- The input -
# # # #

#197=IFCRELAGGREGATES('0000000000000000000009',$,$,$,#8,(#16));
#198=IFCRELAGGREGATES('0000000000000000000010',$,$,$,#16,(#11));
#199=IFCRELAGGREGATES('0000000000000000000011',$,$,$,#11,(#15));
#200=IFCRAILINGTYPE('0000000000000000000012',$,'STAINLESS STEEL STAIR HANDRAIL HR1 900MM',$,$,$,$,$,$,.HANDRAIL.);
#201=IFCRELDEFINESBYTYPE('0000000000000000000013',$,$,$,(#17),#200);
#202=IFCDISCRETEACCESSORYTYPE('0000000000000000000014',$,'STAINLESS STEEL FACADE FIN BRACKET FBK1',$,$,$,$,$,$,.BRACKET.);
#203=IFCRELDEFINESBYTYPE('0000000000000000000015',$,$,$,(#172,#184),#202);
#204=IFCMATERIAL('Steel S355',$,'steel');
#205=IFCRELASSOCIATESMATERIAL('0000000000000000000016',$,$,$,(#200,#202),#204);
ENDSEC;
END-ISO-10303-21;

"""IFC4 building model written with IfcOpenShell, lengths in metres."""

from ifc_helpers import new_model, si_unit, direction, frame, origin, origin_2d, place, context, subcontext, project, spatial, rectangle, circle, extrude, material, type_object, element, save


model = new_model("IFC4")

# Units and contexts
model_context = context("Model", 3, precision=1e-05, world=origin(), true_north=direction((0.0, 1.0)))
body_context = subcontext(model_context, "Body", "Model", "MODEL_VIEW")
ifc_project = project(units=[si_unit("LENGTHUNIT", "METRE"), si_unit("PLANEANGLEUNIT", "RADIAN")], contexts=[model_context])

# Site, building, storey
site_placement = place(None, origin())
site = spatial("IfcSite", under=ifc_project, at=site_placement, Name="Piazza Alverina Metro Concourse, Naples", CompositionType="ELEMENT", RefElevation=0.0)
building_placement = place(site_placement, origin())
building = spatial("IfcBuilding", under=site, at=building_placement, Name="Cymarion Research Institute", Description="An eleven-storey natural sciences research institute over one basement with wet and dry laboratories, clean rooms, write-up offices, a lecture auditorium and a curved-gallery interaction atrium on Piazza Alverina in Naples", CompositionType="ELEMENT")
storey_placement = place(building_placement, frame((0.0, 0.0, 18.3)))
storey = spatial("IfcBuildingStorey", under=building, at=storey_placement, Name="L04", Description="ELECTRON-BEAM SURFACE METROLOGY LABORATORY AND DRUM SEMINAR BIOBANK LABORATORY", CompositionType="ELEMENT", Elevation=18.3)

# # # #

In restating the data, begin at its first line, reproduce each line word for word, and conclude with the line that contains "FIN BRACKET FBK1',$,$,$,$,$,$,.BRACKET.);".

#197=IFCRELAGGREGATES('0000000000000000000009',$,$,$,#8,(#16));
#198=IFCRELAGGREGATES('0000000000000000000010',$,$,$,#16,(#11));
#199=IFCRELAGGREGATES('0000000000000000000011',$,$,$,#11,(#15));
#200=IFCRAILINGTYPE('0000000000000000000012',$,'STAINLESS STEEL STAIR HANDRAIL HR1 900MM',$,$,$,$,$,$,.HANDRAIL.);
#201=IFCRELDEFINESBYTYPE('0000000000000000000013',$,$,$,(#17),#200);
#202=IFCDISCRETEACCESSORYTYPE('0000000000000000000014',$,'STAINLESS STEEL FACADE FIN BRACKET FBK1',$,$,$,$,$,$,.BRACKET.);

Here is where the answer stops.